WORK INSTRUCTIONS: Return the data below exactly, but only from the line containing "#85=IFCINDEXEDPOLYGONALFACE((27,28,32,31));" through the line containing "#91=IFCINDEXEDPOLYGONALFACE((39,40,42,41));", with both of those lines included.

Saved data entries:
+ + +

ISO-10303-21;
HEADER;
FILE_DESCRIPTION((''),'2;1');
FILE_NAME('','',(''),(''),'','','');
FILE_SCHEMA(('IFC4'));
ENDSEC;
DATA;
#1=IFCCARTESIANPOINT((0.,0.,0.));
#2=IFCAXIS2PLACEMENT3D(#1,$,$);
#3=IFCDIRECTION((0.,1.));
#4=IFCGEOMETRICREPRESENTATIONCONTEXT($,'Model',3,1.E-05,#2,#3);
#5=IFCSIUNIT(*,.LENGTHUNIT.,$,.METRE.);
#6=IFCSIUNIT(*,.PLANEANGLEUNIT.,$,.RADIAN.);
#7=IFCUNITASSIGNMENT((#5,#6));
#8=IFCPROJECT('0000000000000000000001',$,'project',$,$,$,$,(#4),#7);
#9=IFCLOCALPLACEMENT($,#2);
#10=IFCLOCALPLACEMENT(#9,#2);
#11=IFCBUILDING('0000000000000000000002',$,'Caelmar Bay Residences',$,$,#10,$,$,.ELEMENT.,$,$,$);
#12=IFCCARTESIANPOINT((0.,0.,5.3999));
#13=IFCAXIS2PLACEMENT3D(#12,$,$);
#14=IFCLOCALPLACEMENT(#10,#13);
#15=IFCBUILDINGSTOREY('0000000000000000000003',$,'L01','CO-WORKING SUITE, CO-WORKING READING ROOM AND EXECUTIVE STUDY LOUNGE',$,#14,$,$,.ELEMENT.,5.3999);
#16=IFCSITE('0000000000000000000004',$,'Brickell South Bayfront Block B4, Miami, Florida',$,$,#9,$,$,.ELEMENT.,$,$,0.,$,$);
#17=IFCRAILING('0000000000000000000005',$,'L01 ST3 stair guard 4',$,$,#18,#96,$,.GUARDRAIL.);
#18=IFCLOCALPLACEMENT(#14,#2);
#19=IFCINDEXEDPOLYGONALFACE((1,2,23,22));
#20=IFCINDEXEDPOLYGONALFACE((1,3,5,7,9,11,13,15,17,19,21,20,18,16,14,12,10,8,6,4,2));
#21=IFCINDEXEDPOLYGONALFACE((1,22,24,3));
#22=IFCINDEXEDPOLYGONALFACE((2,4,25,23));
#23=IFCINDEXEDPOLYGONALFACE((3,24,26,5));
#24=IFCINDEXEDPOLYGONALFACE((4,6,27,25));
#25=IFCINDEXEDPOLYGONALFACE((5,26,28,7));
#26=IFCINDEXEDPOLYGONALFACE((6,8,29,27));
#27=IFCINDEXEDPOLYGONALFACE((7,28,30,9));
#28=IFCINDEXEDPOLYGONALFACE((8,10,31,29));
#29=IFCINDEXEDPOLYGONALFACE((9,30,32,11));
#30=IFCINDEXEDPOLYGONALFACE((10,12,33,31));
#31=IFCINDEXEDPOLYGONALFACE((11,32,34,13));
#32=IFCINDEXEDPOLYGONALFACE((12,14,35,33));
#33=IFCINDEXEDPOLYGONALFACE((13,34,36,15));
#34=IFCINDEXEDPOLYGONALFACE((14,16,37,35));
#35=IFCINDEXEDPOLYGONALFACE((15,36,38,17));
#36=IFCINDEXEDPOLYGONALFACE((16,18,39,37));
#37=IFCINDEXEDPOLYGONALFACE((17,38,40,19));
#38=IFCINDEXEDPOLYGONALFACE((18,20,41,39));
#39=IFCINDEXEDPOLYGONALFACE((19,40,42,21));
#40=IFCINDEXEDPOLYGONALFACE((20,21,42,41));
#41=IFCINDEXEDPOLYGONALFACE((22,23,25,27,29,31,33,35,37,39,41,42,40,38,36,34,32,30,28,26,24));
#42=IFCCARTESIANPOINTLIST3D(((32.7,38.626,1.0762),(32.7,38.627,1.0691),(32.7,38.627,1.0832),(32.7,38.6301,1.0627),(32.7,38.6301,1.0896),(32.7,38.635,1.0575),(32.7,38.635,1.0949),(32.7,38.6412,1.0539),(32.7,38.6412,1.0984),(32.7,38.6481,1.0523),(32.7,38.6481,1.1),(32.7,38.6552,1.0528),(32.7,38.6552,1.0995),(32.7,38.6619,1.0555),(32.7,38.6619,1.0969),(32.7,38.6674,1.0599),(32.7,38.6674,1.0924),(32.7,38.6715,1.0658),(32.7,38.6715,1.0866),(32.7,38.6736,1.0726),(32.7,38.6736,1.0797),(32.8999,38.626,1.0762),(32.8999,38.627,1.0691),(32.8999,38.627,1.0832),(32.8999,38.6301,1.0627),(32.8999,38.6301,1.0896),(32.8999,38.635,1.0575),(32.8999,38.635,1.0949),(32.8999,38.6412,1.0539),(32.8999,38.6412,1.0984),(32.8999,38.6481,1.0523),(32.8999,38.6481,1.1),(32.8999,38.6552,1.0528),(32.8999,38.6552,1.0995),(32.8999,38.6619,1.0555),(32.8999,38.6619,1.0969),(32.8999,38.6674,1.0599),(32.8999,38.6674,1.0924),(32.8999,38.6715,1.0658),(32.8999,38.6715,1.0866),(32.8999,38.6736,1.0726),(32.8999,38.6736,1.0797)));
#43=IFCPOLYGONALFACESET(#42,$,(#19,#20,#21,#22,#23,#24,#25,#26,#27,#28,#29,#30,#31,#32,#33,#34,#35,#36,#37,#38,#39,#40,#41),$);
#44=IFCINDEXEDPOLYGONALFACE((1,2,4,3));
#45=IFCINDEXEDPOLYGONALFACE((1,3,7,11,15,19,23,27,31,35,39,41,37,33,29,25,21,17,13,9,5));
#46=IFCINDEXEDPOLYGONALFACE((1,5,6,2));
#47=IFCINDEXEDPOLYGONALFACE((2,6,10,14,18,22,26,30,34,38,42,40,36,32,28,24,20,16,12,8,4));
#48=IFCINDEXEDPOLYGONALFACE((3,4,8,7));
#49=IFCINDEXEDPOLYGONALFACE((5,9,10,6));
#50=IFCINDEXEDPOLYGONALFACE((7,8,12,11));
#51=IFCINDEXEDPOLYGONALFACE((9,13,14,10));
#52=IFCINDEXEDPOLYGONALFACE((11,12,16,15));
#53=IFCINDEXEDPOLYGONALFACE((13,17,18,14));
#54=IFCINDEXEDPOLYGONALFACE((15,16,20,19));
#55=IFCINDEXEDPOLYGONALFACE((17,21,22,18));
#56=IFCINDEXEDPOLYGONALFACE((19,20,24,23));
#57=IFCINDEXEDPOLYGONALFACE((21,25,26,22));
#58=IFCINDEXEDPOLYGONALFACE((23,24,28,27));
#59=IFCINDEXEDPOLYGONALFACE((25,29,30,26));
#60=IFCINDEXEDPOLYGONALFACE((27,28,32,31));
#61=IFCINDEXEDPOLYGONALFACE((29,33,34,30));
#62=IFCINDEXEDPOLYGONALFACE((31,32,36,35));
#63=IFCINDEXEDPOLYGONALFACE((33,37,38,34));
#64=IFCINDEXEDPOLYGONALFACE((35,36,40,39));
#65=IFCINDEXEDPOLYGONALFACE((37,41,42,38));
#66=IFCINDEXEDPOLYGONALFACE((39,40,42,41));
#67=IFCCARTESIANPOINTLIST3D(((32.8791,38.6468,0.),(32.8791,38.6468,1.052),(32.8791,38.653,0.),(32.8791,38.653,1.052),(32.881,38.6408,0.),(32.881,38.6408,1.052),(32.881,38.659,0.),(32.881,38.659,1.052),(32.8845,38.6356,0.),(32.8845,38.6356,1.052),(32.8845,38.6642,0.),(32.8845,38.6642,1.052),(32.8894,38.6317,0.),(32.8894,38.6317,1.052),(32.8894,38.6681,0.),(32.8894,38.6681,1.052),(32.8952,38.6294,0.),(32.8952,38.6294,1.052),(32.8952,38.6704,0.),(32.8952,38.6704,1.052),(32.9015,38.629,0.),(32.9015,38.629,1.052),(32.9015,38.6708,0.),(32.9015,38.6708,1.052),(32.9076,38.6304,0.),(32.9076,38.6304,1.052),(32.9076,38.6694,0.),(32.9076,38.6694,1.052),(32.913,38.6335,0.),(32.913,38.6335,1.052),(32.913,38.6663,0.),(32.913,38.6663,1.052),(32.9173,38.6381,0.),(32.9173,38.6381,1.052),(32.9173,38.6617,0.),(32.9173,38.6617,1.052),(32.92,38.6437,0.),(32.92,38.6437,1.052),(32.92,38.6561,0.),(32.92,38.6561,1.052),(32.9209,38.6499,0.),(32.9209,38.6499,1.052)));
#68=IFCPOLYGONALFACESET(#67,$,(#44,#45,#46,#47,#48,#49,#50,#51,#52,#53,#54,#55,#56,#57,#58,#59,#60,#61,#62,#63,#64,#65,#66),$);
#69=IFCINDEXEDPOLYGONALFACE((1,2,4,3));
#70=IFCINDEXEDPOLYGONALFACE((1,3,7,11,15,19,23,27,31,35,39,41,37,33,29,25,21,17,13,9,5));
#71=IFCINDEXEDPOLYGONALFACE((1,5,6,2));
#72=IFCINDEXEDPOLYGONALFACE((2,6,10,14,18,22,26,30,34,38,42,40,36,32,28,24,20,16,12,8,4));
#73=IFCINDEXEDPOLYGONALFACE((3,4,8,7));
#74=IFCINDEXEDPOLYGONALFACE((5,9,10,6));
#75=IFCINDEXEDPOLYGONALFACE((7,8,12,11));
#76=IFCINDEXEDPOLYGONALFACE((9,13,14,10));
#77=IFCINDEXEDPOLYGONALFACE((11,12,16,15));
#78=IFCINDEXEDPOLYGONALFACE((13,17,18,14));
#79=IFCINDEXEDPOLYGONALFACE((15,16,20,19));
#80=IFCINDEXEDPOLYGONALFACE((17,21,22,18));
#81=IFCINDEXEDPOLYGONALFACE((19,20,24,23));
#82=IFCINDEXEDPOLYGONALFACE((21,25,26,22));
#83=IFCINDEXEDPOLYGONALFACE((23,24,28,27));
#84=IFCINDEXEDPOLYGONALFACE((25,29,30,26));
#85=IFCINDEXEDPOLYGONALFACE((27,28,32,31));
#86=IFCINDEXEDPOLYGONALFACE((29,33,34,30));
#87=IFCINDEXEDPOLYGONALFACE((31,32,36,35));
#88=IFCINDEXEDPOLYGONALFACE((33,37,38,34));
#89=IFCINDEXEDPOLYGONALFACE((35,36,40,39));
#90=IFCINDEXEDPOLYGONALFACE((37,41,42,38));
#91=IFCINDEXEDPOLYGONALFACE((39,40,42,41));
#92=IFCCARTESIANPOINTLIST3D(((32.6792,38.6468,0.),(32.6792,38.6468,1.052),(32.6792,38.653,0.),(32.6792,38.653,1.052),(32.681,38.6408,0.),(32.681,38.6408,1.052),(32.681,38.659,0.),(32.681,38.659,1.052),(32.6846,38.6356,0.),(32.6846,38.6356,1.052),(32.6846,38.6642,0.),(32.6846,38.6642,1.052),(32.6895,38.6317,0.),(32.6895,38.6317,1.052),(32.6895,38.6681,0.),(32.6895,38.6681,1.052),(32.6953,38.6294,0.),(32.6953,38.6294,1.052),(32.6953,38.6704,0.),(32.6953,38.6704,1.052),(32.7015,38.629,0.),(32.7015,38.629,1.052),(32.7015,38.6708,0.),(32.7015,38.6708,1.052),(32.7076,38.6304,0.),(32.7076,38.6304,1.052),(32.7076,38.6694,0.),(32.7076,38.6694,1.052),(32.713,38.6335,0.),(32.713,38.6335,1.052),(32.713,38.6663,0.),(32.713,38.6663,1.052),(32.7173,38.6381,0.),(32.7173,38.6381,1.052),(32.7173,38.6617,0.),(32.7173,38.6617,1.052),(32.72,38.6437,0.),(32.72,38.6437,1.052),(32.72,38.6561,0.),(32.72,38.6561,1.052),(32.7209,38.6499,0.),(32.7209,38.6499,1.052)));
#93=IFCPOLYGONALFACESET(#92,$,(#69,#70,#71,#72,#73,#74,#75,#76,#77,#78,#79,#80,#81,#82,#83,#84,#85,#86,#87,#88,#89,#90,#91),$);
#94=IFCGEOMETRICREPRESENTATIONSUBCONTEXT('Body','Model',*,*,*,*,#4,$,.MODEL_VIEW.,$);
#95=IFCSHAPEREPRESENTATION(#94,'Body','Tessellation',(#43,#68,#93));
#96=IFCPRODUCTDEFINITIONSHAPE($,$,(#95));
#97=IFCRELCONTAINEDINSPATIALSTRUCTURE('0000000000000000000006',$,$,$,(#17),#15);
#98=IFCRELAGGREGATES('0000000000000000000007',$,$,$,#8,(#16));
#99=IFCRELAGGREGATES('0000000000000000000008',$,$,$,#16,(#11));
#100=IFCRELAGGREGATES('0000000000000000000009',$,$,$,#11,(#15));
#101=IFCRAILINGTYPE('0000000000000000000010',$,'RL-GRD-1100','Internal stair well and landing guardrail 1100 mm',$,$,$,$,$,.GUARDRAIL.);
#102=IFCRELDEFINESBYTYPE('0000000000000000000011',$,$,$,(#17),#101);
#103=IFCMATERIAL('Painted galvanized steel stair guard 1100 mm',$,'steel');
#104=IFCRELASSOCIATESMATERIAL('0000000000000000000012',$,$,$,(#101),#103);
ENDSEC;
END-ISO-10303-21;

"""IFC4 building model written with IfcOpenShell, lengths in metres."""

from ifc_helpers import new_model, si_unit, direction, frame, origin, origin_2d, place, context, subcontext, project, spatial, circle, extrude, material, type_object, element, save


model = new_model("IFC4")

# Units and contexts
model_context = context("Model", 3, precision=1e-05, world=origin(), true_north=direction((0.0, 1.0)))
body_context = subcontext(model_context, "Body", "Model", "MODEL_VIEW")
ifc_project = project(units=[si_unit("LENGTHUNIT", "METRE"), si_unit("PLANEANGLEUNIT", "RADIAN")], contexts=[model_context])

# Site, building, storey
site_placement = place(None, origin())
site = spatial("IfcSite", under=ifc_project, at=site_placement, Name="Brickell South Bayfront Block B4, Miami, Florida", CompositionType="ELEMENT", RefElevation=0.0)
building_placement = place(site_placement, origin())
building = spatial("IfcBuilding", under=site, at=building_placement, Name="Caelmar Bay Residences", CompositionType="ELEMENT")
storey_placement = place(building_placement, frame((0.0, 0.0, 5.3999)))
storey = spatial("IfcBuildingStorey", under=building, at=storey_placement, Name="L01", Description="CO-WORKING SUITE, CO-WORKING READING ROOM AND EXECUTIVE STUDY LOUNGE", CompositionType="ELEMENT", Elevation=5.3999)

# Railing
ifc_material_1 = material(Name="Painted galvanized steel stair guard 1100 mm", Category="steel")
railing_type_1 = type_object("IfcRailingType", Name="RL-GRD-1100", Description="Internal stair well and landing guardrail 1100 mm", PredefinedType="GUARDRAIL", material=ifc_material_1)
railing_1_placement = place(storey_placement, frame((32.8999, 38.6499, 0.0)))
element("IfcRailing", 1, at=railing_1_placement, inside=storey, type_object=railing_type_1, Name="L01 ST3 stair guard 4", PredefinedType="GUARDRAIL", context=body_context, shape_type="SweptSolid", body=[
    extrude(circle(Radius=0.0239, at=origin_2d()), frame((0.0, 0.0, 1.0762), z_axis=(-1.0, 0.0, 0.0), x_axis=(0.0, -1.0, 0.0)), (0.0, 0.0, 1.0), 0.2),
    extrude(circle(Radius=0.021, at=origin_2d()), origin(), (0.0, 0.0, 1.0), 1.052),
    extrude(circle(Radius=0.021, at=origin_2d()), frame((-0.2, 0.0, 0.0)), (0.0, 0.0, 1.0), 1.052),
])

save(model, "model.ifc")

+ + +

RESPONSE TO THIS TASK:
#85=IFCINDEXEDPOLYGONALFACE((27,28,32,31));
#86=IFCINDEXEDPOLYGONALFACE((29,33,34,30));
#87=IFCINDEXEDPOLYGONALFACE((31,32,36,35));
#88=IFCINDEXEDPOLYGONALFACE((33,37,38,34));
#89=IFCINDEXEDPOLYGONALFACE((35,36,40,39));
#90=IFCINDEXEDPOLYGONALFACE((37,41,42,38));
#91=IFCINDEXEDPOLYGONALFACE((39,40,42,41));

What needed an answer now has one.